*ENTRIES SHOWN:*
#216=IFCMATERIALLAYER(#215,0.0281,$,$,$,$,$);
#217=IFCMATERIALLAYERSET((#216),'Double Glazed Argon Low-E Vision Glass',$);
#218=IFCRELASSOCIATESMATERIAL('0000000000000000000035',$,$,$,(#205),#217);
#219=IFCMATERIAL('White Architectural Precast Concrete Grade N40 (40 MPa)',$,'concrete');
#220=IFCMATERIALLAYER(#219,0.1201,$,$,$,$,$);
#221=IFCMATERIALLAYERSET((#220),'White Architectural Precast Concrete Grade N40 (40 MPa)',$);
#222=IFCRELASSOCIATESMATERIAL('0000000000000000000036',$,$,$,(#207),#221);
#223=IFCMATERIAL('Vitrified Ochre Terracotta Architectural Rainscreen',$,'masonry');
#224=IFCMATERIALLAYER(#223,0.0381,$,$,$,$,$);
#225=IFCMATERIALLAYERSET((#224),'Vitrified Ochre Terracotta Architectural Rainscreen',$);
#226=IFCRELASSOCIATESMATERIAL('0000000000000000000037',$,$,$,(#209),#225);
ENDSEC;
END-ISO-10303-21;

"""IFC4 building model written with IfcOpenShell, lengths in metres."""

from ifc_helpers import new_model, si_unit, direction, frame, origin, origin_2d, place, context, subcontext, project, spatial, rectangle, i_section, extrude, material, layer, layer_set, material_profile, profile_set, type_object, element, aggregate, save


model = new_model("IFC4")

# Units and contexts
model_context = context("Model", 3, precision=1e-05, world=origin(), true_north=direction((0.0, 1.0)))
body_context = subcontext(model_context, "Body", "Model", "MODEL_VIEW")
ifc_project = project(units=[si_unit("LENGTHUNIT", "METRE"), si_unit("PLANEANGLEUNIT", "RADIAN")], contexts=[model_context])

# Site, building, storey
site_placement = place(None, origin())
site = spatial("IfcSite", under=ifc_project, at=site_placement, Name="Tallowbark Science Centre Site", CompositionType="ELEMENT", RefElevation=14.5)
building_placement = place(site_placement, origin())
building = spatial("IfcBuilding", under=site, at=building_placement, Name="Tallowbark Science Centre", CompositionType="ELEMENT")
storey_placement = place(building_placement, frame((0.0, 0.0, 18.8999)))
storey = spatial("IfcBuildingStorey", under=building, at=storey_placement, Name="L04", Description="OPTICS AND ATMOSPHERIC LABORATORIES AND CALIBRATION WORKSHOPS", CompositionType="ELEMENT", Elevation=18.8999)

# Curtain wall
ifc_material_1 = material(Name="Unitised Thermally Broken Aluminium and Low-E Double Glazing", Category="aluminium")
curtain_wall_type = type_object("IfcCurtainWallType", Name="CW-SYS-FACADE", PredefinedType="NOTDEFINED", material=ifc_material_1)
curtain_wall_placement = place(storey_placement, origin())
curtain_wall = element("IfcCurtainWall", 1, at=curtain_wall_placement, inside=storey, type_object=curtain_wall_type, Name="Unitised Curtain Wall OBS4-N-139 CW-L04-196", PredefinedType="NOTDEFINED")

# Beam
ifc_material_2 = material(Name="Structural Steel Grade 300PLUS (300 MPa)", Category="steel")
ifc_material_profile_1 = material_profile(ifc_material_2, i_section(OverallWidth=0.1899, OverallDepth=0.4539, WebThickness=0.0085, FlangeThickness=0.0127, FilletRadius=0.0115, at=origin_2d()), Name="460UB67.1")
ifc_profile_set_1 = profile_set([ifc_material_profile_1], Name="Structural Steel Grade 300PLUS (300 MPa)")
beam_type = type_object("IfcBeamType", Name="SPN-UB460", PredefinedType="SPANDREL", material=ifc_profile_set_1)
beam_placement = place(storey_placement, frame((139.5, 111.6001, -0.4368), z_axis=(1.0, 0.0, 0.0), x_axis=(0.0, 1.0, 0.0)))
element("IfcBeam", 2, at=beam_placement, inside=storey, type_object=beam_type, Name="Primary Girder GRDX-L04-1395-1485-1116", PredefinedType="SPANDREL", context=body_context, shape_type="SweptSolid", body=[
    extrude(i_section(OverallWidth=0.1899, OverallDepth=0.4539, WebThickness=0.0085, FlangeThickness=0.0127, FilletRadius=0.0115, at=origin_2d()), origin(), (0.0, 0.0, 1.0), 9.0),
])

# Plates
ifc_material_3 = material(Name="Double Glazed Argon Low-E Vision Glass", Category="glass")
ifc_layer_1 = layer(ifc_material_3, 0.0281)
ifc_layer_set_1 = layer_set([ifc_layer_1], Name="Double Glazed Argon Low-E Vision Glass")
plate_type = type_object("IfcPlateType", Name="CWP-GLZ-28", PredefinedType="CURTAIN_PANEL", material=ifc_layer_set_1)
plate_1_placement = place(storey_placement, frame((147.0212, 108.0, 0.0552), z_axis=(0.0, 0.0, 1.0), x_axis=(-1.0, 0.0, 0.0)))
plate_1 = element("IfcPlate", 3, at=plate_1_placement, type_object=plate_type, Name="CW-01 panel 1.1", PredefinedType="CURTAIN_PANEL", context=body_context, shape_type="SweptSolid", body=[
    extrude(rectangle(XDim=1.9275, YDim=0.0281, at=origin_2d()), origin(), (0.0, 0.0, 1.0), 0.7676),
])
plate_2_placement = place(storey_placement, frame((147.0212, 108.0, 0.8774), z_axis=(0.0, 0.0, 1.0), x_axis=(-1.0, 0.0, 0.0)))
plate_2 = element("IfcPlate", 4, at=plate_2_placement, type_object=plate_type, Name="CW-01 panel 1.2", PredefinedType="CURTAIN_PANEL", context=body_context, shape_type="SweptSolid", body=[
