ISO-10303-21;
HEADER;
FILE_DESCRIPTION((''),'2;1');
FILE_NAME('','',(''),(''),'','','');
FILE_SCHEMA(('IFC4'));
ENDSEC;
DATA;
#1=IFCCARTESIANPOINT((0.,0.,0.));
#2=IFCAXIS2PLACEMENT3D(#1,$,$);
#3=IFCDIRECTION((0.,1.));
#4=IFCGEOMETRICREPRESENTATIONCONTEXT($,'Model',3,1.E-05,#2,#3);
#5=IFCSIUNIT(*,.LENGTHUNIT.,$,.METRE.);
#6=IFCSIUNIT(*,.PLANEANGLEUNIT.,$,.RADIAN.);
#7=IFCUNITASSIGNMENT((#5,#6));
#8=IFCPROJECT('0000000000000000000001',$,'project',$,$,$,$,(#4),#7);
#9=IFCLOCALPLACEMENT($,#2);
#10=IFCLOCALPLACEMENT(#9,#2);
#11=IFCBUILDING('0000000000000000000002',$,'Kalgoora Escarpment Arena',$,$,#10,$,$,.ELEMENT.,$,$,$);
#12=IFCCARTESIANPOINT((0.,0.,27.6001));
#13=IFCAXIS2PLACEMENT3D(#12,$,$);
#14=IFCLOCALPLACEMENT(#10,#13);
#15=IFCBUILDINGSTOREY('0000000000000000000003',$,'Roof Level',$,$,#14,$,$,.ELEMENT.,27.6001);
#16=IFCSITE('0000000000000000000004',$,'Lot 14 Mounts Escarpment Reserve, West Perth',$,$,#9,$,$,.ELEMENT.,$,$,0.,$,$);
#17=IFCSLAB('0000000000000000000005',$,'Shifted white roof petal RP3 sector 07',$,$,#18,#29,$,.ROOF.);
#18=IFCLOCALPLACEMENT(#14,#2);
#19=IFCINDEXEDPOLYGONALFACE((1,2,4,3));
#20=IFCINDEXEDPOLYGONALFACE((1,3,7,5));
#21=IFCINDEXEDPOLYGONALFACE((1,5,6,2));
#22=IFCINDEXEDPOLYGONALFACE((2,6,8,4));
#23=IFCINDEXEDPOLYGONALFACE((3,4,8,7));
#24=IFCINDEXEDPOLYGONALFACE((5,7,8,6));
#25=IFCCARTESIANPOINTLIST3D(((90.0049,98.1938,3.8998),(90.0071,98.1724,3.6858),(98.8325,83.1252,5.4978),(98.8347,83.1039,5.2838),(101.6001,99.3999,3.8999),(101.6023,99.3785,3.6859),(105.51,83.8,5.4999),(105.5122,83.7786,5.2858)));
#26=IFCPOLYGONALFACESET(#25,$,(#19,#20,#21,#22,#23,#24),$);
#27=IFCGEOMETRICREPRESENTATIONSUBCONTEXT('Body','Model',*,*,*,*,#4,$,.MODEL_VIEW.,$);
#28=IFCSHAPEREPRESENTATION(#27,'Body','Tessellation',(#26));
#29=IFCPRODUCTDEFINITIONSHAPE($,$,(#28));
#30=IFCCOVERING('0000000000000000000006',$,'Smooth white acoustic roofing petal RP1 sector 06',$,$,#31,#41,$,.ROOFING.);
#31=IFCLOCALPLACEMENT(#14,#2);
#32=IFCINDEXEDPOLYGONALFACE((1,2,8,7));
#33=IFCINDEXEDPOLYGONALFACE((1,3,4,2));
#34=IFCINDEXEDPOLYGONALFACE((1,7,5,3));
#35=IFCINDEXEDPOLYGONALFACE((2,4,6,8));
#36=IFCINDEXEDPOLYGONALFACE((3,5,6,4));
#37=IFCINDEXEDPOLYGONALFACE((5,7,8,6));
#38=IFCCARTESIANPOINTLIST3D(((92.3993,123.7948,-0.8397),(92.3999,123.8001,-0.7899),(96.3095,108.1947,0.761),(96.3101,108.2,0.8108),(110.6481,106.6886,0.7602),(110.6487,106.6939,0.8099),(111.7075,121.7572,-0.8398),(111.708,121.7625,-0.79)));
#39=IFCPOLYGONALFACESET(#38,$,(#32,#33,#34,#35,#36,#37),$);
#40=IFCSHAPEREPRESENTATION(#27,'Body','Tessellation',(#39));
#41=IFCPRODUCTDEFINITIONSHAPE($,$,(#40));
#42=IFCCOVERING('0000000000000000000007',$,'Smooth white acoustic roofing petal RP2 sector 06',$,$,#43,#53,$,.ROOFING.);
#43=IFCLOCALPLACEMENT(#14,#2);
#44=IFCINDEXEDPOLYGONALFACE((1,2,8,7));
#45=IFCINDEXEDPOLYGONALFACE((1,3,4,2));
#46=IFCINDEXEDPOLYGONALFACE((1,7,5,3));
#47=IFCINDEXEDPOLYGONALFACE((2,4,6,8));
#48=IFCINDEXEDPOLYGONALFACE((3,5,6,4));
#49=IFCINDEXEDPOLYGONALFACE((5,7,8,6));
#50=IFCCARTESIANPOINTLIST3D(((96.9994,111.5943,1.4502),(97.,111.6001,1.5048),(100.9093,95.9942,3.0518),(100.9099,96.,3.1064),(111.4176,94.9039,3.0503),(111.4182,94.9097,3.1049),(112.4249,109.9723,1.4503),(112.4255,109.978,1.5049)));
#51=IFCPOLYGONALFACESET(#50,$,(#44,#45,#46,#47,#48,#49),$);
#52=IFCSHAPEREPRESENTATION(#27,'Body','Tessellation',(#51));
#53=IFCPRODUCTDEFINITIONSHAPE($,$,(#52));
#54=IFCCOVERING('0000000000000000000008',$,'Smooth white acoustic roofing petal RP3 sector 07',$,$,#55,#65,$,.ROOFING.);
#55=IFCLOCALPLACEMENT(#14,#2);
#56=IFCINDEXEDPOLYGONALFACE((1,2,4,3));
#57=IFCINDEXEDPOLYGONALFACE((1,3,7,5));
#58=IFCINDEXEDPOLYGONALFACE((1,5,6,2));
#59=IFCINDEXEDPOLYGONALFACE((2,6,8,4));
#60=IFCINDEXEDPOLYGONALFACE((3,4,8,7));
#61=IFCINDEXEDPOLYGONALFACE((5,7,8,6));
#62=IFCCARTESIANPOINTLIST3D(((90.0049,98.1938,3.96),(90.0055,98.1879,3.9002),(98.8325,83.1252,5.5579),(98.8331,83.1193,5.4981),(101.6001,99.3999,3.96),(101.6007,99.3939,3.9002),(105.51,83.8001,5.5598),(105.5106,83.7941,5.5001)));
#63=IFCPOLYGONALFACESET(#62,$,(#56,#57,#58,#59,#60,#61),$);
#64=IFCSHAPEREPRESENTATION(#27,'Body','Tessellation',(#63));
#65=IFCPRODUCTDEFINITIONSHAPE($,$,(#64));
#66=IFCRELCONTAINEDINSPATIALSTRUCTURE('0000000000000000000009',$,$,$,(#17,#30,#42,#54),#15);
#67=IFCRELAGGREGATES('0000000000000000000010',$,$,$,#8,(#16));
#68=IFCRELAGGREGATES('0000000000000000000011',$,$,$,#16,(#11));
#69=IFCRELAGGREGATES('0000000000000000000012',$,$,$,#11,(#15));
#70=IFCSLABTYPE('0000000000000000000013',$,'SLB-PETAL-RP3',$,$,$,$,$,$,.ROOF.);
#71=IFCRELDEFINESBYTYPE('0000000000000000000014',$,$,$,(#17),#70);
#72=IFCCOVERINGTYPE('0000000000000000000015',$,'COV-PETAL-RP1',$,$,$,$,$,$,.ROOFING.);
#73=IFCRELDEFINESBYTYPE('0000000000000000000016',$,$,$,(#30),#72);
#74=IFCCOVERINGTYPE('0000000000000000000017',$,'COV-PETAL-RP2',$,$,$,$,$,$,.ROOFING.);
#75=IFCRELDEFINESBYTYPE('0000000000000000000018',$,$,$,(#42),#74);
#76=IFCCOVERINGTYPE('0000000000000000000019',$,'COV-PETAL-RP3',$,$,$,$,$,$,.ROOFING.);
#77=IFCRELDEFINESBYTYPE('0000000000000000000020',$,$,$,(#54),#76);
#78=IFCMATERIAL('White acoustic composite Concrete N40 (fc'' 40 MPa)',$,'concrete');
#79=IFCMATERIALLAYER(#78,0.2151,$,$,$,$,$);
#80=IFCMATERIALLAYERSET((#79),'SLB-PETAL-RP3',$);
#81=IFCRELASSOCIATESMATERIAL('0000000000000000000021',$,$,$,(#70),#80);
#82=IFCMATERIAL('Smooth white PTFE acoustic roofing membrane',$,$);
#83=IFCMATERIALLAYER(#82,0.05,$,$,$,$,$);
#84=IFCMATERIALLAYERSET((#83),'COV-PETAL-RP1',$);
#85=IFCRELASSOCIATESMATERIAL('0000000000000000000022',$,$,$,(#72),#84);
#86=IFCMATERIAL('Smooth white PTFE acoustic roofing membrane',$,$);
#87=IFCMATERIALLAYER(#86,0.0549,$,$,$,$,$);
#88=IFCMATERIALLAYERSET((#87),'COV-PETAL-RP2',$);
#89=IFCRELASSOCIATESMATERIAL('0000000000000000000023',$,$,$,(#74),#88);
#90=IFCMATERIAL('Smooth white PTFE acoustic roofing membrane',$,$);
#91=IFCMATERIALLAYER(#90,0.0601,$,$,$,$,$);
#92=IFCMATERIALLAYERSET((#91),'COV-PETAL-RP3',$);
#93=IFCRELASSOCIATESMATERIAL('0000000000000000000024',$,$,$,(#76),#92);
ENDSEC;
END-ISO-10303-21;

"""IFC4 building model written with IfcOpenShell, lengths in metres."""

from ifc_helpers import new_model, si_unit, direction, frame, origin, place, context, subcontext, project, spatial, polyline, outline, extrude, material, layer, layer_set, type_object, element, save


model = new_model("IFC4")

# Units and contexts
model_context = context("Model", 3, precision=1e-05, world=origin(), true_north=direction((0.0, 1.0)))
body_context = subcontext(model_context, "Body", "Model", "MODEL_VIEW")
ifc_project = project(units=[si_unit("LENGTHUNIT", "METRE"), si_unit("PLANEANGLEUNIT", "RADIAN")], contexts=[model_context])

# Site, building, storey
site_placement = place(None, origin())
site = spatial("IfcSite", under=ifc_project, at=site_placement, Name="Lot 14 Mounts Escarpment Reserve, West Perth", CompositionType="ELEMENT", RefElevation=0.0)
building_placement = place(site_placement, origin())
building = spatial("IfcBuilding", under=site, at=building_placement, Name="Kalgoora Escarpment Arena", CompositionType="ELEMENT")
storey_placement = place(building_placement, frame((0.0, 0.0, 27.6001)))
storey = spatial("IfcBuildingStorey", under=building, at=storey_placement, Name="Roof Level", CompositionType="ELEMENT", Elevation=27.6001)

# Slab
ifc_material_1 = material(Name="White acoustic composite Concrete N40 (fc' 40 MPa)", Category="concrete")
ifc_layer_1 = layer(ifc_material_1, 0.2151)
ifc_layer_set_1 = layer_set([ifc_layer_1], Name="SLB-PETAL-RP3")
slab_type_1 = type_object("IfcSlabType", Name="SLB-PETAL-RP3", PredefinedType="ROOF", material=ifc_layer_set_1)
slab_1_placement = place(storey_placement, frame((101.6001, 99.3999, 3.8999), z_axis=(-0.010357, 0.099452, 0.994988), x_axis=(-0.994634, -0.103456, -0.000012)))
element("IfcSlab", 1, at=slab_1_placement, inside=storey, type_object=slab_type_1, Name="Shifted white roof petal RP3 sector 07", PredefinedType="ROOF", context=body_context, shape_type="SweptSolid", body=[
    extrude(outline(polyline([(0.0, 0.0), (11.6578, 0.0), (4.4364, 15.9811), (-2.275, 16.0009), (0.0, 0.0)])), origin(), (0.0, 0.0, -1.0), 0.2151),
])

# Coverings
ifc_material_2 = material(Name="Smooth white PTFE acoustic roofing membrane")
ifc_layer_2 = layer(ifc_material_2, 0.05)
ifc_layer_set_2 = layer_set([ifc_layer_2], Name="COV-PETAL-RP1")
covering_type_1 = type_object("IfcCoveringType", Name="COV-PETAL-RP1", PredefinedType="ROOFING", material=ifc_layer_set_2)
covering_1_placement = place(storey_placement, frame((111.708, 121.7625, -0.79), z_axis=(0.011068, 0.104811, 0.994431), x_axis=(-0.994478, 0.104949, 0.000007)))
element("IfcCovering", 2, at=covering_1_placement, inside=storey, type_object=covering_type_1, Name="Smooth white acoustic roofing petal RP1 sector 06", PredefinedType="ROOFING", context=body_context, shape_type="SweptSolid", body=[
    extrude(outline(polyline([(0.0, 0.0), (19.4153, 0.0), (13.8896, 15.1882), (-0.5279, 15.1811), (0.0, 0.0)])), origin(), (0.0, 0.0, -1.0), 0.05),
])
ifc_material_3 = material(Name="Smooth white PTFE acoustic roofing membrane")
ifc_layer_3 = layer(ifc_material_3, 0.0549)
ifc_layer_set_3 = layer_set([ifc_layer_3], Name="COV-PETAL-RP2")
covering_type_2 = type_object("IfcCoveringType", Name="COV-PETAL-RP2", PredefinedType="ROOFING", material=ifc_layer_set_3)
covering_2_placement = place(storey_placement, frame((112.4255, 109.978, 1.5049), z_axis=(0.011023, 0.104857, 0.994426), x_axis=(-0.994517, 0.104578, -0.000003)))
element("IfcCovering", 3, at=covering_2_placement, inside=storey, type_object=covering_type_2, Name="Smooth white acoustic roofing petal RP2 sector 06", PredefinedType="ROOFING", context=body_context, shape_type="SweptSolid", body=[
    extrude(outline(polyline([(0.0, 0.0), (15.5106, 0.0), (9.9907, 15.1903), (-0.574, 15.1757), (0.0, 0.0)])), origin(), (0.0, 0.0, -1.0), 0.0549),
])
ifc_material_4 = material(Name="Smooth white PTFE acoustic roofing membrane")
ifc_layer_4 = layer(ifc_material_4, 0.0601)
ifc_layer_set_4 = layer_set([ifc_layer_4], Name="COV-PETAL-RP3")
covering_type_3 = type_object("IfcCoveringType", Name="COV-PETAL-RP3", PredefinedType="ROOFING", material=ifc_layer_set_4)
covering_3_placement = place(storey_placement, frame((101.6001, 99.3999, 3.96), z_axis=(-0.010343, 0.09945, 0.994989), x_axis=(-0.994634, -0.103455, 0.000001)))
element("IfcCovering", 4, at=covering_3_placement, inside=storey, type_object=covering_type_3, Name="Smooth white acoustic roofing petal RP3 sector 07", PredefinedType="ROOFING", context=body_context, shape_type="SweptSolid", body=[
    extrude(outline(polyline([(0.0, 0.0), (11.6578, 0.0), (4.4364, 15.9811), (-2.275, 16.0008), (0.0, 0.0)])), origin(), (0.0, 0.0, -1.0), 0.0601),
])

save(model, "model.ifc")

*YOUR GOAL:* Set down, exactly as they stand above, the lines starting with the line with "#46=IFCINDEXEDPOLYGONALFACE((1,7,5,3));" and going on through the line with "#61=IFCINDEXEDPOLYGONALFACE((5,7,8,6));", and no others.

*RESPONSE AREA:*
#46=IFCINDEXEDPOLYGONALFACE((1,7,5,3));
#47=IFCINDEXEDPOLYGONALFACE((2,4,6,8));
#48=IFCINDEXEDPOLYGONALFACE((3,5,6,4));
#49=IFCINDEXEDPOLYGONALFACE((5,7,8,6));
#50=IFCCARTESIANPOINTLIST3D(((96.9994,111.5943,1.4502),(97.,111.6001,1.5048),(100.9093,95.9942,3.0518),(100.9099,96.,3.1064),(111.4176,94.9039,3.0503),(111.4182,94.9097,3.1049),(112.4249,109.9723,1.4503),(112.4255,109.978,1.5049)));
#51=IFCPOLYGONALFACESET(#50,$,(#44,#45,#46,#47,#48,#49),$);
#52=IFCSHAPEREPRESENTATION(#27,'Body','Tessellation',(#51));
#53=IFCPRODUCTDEFINITIONSHAPE($,$,(#52));
#54=IFCCOVERING('0000000000000000000008',$,'Smooth white acoustic roofing petal RP3 sector 07',$,$,#55,#65,$,.ROOFING.);
#55=IFCLOCALPLACEMENT(#14,#2);
#56=IFCINDEXEDPOLYGONALFACE((1,2,4,3));
#57=IFCINDEXEDPOLYGONALFACE((1,3,7,5));
#58=IFCINDEXEDPOLYGONALFACE((1,5,6,2));
#59=IFCINDEXEDPOLYGONALFACE((2,6,8,4));
#60=IFCINDEXEDPOLYGONALFACE((3,4,8,7));
#61=IFCINDEXEDPOLYGONALFACE((5,7,8,6));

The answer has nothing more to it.